## PROBLEM DETAILS:
In the listing below, start your output at the line with "#24=IFCINDEXEDPOLYGONALFACE((1,3,7,5,11,9));" and end it after the line with "#37=IFCCARTESIANPOINT((25.8,22.075,0.));", copying every line exactly.

## INPUT:
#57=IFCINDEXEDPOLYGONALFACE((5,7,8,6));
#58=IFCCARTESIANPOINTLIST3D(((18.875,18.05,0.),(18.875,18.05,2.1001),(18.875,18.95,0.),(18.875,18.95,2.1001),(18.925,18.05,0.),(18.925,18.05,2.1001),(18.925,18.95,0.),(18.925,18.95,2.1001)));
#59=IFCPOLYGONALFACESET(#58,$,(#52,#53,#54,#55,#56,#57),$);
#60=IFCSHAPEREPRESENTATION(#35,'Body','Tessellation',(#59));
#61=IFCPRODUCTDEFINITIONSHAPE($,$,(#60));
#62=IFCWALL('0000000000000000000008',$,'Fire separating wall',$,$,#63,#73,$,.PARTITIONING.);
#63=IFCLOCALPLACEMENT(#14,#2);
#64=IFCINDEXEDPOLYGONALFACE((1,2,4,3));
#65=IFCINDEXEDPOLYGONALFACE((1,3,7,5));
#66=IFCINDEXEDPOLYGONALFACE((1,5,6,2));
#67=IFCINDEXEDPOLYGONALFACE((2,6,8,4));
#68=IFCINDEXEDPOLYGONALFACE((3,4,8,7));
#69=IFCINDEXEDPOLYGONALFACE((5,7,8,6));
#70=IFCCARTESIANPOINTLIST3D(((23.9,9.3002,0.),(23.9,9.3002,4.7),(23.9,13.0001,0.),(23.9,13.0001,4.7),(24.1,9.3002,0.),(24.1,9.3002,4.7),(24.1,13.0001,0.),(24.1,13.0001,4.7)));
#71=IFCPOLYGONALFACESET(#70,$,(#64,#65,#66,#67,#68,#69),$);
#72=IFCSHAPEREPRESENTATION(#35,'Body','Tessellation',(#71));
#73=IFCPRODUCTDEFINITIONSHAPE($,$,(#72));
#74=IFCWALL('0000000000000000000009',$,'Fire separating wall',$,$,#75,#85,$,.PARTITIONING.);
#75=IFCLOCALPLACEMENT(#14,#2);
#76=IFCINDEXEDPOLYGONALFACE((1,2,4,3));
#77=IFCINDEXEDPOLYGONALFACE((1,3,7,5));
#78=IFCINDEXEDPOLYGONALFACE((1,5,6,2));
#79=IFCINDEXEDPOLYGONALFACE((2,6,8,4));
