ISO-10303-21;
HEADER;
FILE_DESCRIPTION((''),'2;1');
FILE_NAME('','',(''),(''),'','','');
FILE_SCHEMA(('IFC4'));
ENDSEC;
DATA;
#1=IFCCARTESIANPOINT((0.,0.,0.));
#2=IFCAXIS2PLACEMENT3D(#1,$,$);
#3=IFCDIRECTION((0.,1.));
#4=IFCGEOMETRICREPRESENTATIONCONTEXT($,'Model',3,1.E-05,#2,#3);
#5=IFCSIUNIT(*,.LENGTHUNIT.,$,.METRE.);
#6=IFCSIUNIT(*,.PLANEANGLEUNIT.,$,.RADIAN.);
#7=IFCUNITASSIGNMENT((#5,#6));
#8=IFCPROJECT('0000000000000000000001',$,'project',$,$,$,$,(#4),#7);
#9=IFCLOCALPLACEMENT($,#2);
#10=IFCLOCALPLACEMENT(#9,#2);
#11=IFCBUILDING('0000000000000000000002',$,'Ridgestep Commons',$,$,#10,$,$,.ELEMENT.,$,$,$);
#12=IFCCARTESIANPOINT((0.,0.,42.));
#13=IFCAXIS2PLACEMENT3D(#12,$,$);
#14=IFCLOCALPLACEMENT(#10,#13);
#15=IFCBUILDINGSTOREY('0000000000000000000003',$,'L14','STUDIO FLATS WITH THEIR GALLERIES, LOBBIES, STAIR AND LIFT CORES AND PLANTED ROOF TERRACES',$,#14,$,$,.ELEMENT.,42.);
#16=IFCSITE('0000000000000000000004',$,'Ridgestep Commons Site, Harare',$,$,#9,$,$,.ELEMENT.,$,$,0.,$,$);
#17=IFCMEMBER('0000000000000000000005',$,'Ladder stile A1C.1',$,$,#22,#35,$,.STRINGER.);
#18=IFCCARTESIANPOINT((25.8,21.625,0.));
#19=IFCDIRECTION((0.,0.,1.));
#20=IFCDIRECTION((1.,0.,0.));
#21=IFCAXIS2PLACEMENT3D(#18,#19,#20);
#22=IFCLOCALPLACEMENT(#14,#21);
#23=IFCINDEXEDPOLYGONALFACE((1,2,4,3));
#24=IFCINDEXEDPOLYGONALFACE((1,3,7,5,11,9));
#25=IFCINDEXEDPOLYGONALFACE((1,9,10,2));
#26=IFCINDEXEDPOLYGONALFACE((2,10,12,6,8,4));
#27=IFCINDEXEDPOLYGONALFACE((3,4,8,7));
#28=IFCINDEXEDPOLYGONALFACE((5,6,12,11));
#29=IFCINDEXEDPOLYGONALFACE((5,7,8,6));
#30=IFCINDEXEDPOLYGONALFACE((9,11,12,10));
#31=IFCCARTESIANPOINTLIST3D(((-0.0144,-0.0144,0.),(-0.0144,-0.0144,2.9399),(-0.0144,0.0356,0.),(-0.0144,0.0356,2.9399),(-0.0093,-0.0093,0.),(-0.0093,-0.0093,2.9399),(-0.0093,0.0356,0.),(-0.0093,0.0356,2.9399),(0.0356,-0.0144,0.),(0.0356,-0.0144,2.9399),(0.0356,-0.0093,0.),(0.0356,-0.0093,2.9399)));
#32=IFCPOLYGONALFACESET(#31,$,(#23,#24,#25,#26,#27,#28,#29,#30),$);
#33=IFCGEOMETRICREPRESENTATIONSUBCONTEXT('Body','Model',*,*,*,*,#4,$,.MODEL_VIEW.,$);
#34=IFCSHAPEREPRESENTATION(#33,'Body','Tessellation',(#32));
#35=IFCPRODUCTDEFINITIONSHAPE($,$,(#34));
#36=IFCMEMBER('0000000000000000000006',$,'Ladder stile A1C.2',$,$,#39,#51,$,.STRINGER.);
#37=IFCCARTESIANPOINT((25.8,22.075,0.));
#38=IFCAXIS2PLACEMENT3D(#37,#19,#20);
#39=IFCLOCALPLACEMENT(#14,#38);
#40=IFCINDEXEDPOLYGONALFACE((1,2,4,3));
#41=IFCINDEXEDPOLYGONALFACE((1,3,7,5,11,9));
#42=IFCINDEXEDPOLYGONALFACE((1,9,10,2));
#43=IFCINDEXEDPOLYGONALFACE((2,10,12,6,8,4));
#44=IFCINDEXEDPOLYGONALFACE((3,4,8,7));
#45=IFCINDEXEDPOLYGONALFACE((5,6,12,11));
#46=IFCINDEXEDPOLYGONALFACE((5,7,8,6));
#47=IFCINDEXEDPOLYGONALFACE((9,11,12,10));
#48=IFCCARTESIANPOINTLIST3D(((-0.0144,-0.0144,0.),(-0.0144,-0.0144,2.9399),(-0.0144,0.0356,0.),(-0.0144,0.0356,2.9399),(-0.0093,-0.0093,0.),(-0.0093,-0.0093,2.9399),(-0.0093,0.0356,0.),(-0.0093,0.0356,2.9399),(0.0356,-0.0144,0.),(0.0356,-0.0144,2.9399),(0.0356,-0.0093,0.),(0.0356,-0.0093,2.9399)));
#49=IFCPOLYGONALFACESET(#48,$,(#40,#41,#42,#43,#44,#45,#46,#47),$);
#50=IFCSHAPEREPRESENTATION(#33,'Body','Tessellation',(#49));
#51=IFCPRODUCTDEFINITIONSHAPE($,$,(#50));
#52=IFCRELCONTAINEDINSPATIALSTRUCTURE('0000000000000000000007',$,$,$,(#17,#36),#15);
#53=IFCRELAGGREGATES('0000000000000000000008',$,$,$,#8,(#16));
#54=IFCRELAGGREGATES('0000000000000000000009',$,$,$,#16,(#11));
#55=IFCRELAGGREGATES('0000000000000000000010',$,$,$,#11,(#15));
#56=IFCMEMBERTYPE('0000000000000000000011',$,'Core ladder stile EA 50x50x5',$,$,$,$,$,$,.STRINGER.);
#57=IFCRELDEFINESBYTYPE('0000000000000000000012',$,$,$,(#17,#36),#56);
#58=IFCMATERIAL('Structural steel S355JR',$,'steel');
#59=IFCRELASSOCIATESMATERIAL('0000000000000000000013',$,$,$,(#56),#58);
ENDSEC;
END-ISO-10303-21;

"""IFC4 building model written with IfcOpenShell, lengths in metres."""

from ifc_helpers import new_model, si_unit, direction, frame, origin, place, context, subcontext, project, spatial, polyline, outline, extrude, material, material_profile, profile_set, type_object, element, save


model = new_model("IFC4")

# Units and contexts
model_context = context("Model", 3, precision=1e-05, world=origin(), true_north=direction((0.0, 1.0)))
body_context = subcontext(model_context, "Body", "Model", "MODEL_VIEW")
ifc_project = project(units=[si_unit("LENGTHUNIT", "METRE"), si_unit("PLANEANGLEUNIT", "RADIAN")], contexts=[model_context])

# Site, building, storey
site_placement = place(None, origin())
site = spatial("IfcSite", under=ifc_project, at=site_placement, Name="Ridgestep Commons Site, Harare", CompositionType="ELEMENT", RefElevation=0.0)
building_placement = place(site_placement, origin())
building = spatial("IfcBuilding", under=site, at=building_placement, Name="Ridgestep Commons", CompositionType="ELEMENT")
storey_placement = place(building_placement, frame((0.0, 0.0, 42.0)))
storey = spatial("IfcBuildingStorey", under=building, at=storey_placement, Name="L14", Description="STUDIO FLATS WITH THEIR GALLERIES, LOBBIES, STAIR AND LIFT CORES AND PLANTED ROOF TERRACES", CompositionType="ELEMENT", Elevation=42.0)

# Members
ifc_material_1 = material(Name="Structural steel S355JR", Category="steel")
ifc_material_profile_1 = material_profile(ifc_material_1, outline(polyline([(-0.0144, -0.0144), (0.0356, -0.0144), (0.0356, -0.0093), (-0.0093, -0.0093), (-0.0093, 0.0356), (-0.0144, 0.0356), (-0.0144, -0.0144)])), Name="EA 50x50x5")
ifc_profile_set_1 = profile_set([ifc_material_profile_1], Name="Structural steel S355JR")
member_type_1 = type_object("IfcMemberType", Name="Core ladder stile EA 50x50x5", PredefinedType="STRINGER", material=ifc_profile_set_1)
for number, where, z_axis, x_axis, name in (
    (1, (25.8, 21.625, 0.0), (0.0, 0.0, 1.0), (1.0, 0.0, 0.0), "Ladder stile A1C.1"),
    (2, (25.8, 22.075, 0.0), (0.0, 0.0, 1.0), (1.0, 0.0, 0.0), "Ladder stile A1C.2"),
):
    element("IfcMember", number, at=place(storey_placement, frame(where, z_axis=z_axis, x_axis=x_axis)), inside=storey, type_object=member_type_1, Name=name, PredefinedType="STRINGER", context=body_context, shape_type="SweptSolid", body=[
        extrude(outline(polyline([(-0.0144, -0.0144), (0.0356, -0.0144), (0.0356, -0.0093), (-0.0093, -0.0093), (-0.0093, 0.0356), (-0.0144, 0.0356), (-0.0144, -0.0144)])), origin(), (0.0, 0.0, 1.0), 2.9399),
    ])

save(model, "model.ifc")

## ANSWER TO THE PROBLEM:
#24=IFCINDEXEDPOLYGONALFACE((1,3,7,5,11,9));
#25=IFCINDEXEDPOLYGONALFACE((1,9,10,2));
#26=IFCINDEXEDPOLYGONALFACE((2,10,12,6,8,4));
#27=IFCINDEXEDPOLYGONALFACE((3,4,8,7));
#28=IFCINDEXEDPOLYGONALFACE((5,6,12,11));
#29=IFCINDEXEDPOLYGONALFACE((5,7,8,6));
#30=IFCINDEXEDPOLYGONALFACE((9,11,12,10));
#31=IFCCARTESIANPOINTLIST3D(((-0.0144,-0.0144,0.),(-0.0144,-0.0144,2.9399),(-0.0144,0.0356,0.),(-0.0144,0.0356,2.9399),(-0.0093,-0.0093,0.),(-0.0093,-0.0093,2.9399),(-0.0093,0.0356,0.),(-0.0093,0.0356,2.9399),(0.0356,-0.0144,0.),(0.0356,-0.0144,2.9399),(0.0356,-0.0093,0.),(0.0356,-0.0093,2.9399)));
#32=IFCPOLYGONALFACESET(#31,$,(#23,#24,#25,#26,#27,#28,#29,#30),$);
#33=IFCGEOMETRICREPRESENTATIONSUBCONTEXT('Body','Model',*,*,*,*,#4,$,.MODEL_VIEW.,$);
#34=IFCSHAPEREPRESENTATION(#33,'Body','Tessellation',(#32));
#35=IFCPRODUCTDEFINITIONSHAPE($,$,(#34));
#36=IFCMEMBER('0000000000000000000006',$,'Ladder stile A1C.2',$,$,#39,#51,$,.STRINGER.);
#37=IFCCARTESIANPOINT((25.8,22.075,0.));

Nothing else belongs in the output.